Task objective:
If a line of the listing contains the string "ASTM", return that line.
=-=-=
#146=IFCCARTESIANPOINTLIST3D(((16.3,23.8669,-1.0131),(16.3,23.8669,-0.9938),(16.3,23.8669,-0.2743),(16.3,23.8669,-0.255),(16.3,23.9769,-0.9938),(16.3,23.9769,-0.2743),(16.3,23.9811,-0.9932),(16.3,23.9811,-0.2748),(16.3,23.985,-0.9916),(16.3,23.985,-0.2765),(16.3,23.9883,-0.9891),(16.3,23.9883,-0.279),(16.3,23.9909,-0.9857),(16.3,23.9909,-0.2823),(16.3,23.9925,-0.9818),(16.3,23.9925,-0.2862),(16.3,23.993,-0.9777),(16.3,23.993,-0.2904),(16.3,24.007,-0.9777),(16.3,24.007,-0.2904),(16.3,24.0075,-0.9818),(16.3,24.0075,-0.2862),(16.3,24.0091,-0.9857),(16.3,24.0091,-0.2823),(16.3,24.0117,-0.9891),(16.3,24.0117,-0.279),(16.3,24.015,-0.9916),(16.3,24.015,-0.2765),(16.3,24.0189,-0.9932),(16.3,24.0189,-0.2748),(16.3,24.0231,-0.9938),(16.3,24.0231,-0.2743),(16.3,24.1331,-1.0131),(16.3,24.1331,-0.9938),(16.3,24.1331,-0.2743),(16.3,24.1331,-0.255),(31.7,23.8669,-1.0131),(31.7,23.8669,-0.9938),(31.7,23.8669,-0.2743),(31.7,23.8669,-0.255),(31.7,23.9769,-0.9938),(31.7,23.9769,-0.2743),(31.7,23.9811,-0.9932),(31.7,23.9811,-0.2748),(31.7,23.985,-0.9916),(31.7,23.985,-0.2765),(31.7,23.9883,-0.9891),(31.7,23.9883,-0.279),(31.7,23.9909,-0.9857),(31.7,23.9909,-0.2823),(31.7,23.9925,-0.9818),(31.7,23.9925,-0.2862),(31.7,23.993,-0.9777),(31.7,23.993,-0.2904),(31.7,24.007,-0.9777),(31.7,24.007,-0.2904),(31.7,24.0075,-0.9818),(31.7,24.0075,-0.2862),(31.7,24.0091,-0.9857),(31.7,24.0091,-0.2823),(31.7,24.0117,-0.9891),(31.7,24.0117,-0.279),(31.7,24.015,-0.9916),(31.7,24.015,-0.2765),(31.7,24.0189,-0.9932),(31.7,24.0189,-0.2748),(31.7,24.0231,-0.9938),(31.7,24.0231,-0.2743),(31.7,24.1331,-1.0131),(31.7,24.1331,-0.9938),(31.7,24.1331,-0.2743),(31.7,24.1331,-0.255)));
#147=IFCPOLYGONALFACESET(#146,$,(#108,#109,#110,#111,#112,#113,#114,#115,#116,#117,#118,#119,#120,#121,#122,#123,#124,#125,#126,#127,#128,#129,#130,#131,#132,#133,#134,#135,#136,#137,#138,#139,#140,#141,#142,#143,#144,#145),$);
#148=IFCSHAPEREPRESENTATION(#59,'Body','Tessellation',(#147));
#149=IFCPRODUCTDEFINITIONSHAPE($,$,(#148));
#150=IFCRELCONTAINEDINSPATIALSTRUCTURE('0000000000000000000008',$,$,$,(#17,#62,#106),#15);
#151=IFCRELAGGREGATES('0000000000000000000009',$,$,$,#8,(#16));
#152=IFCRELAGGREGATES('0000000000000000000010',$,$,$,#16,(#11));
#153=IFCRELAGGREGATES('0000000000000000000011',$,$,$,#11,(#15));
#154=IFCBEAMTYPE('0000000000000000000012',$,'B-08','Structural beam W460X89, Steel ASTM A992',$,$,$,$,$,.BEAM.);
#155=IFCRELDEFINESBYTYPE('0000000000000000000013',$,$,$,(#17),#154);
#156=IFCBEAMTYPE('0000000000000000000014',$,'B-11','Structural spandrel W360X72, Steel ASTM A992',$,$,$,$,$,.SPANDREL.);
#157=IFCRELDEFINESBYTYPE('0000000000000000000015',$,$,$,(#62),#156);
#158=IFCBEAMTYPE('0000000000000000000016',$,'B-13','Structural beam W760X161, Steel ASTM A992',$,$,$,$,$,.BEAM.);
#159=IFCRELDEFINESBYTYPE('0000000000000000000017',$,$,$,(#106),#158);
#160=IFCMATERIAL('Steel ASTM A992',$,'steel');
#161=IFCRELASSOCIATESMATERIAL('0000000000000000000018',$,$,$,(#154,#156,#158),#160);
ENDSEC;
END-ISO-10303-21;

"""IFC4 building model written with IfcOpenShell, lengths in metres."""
=-=-=
Exercise output:
#154=IFCBEAMTYPE('0000000000000000000012',$,'B-08','Structural beam W460X89, Steel ASTM A992',$,$,$,$,$,.BEAM.);
#156=IFCBEAMTYPE('0000000000000000000014',$,'B-11','Structural spandrel W360X72, Steel ASTM A992',$,$,$,$,$,.SPANDREL.);
#158=IFCBEAMTYPE('0000000000000000000016',$,'B-13','Structural beam W760X161, Steel ASTM A992',$,$,$,$,$,.BEAM.);
#160=IFCMATERIAL('Steel ASTM A992',$,'steel');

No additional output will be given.